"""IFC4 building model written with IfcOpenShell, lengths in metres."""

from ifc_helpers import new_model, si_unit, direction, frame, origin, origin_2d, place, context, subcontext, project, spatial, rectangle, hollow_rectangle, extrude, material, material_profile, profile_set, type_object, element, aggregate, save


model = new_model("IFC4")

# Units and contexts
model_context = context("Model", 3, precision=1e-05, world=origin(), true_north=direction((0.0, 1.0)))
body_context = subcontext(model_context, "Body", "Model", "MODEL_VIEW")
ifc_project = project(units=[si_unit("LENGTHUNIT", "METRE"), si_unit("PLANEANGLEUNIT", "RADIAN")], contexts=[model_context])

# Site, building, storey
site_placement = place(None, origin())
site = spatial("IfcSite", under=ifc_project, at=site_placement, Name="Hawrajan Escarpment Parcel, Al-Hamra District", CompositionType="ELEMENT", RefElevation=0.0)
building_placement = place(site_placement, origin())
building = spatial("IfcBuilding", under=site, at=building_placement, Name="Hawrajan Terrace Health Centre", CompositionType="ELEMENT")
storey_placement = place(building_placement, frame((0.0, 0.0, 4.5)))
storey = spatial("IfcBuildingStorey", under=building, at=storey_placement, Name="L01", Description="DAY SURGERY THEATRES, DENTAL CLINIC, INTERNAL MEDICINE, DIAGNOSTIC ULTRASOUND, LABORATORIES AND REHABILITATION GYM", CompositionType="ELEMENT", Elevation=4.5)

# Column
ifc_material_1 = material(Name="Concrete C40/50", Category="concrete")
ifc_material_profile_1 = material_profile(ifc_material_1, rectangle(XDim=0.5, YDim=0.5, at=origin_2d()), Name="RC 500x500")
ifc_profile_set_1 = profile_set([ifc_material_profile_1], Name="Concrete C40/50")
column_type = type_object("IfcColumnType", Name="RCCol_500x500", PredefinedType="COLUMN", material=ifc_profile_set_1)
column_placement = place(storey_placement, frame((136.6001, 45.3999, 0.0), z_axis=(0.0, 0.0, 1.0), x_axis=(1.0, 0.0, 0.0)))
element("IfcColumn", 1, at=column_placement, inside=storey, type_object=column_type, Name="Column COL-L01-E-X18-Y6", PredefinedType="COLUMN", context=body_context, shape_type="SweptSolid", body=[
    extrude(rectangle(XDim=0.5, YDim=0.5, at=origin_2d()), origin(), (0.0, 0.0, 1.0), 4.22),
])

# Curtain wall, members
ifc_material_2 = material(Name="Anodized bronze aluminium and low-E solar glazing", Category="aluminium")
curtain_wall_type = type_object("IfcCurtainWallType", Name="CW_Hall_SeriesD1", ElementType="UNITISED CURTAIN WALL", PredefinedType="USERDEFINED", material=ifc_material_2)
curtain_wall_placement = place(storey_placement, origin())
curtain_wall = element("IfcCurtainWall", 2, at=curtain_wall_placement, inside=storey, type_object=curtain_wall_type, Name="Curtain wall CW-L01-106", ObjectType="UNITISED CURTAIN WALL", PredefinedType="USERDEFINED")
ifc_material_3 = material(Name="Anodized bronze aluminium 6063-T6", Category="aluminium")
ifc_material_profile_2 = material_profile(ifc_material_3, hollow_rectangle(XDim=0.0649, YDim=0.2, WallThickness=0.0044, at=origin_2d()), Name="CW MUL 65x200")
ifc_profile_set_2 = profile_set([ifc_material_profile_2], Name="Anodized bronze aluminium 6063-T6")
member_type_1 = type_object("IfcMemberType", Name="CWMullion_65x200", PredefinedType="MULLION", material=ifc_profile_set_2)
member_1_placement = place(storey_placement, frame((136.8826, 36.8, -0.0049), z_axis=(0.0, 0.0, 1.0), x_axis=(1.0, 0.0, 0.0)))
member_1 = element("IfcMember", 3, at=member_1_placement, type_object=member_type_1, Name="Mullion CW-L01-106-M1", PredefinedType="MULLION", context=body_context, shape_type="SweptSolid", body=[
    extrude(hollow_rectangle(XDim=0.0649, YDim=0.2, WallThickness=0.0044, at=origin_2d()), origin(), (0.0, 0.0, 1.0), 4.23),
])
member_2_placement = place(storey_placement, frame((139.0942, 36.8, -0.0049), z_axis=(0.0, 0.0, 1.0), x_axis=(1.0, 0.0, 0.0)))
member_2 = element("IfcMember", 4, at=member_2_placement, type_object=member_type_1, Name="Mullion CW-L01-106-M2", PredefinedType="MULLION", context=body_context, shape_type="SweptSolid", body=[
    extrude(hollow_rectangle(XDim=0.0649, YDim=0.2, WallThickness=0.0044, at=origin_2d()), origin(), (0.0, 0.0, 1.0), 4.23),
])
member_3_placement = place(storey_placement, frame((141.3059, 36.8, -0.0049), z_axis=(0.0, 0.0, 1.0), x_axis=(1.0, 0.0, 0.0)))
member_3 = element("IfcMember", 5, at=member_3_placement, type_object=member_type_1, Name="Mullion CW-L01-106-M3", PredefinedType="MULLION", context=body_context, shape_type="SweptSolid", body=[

[WHAT TO WORK ON] From the listing, tally every line with the word "aluminium" in it and give only the tally.

[RESULT OF THIS EXERCISE] 3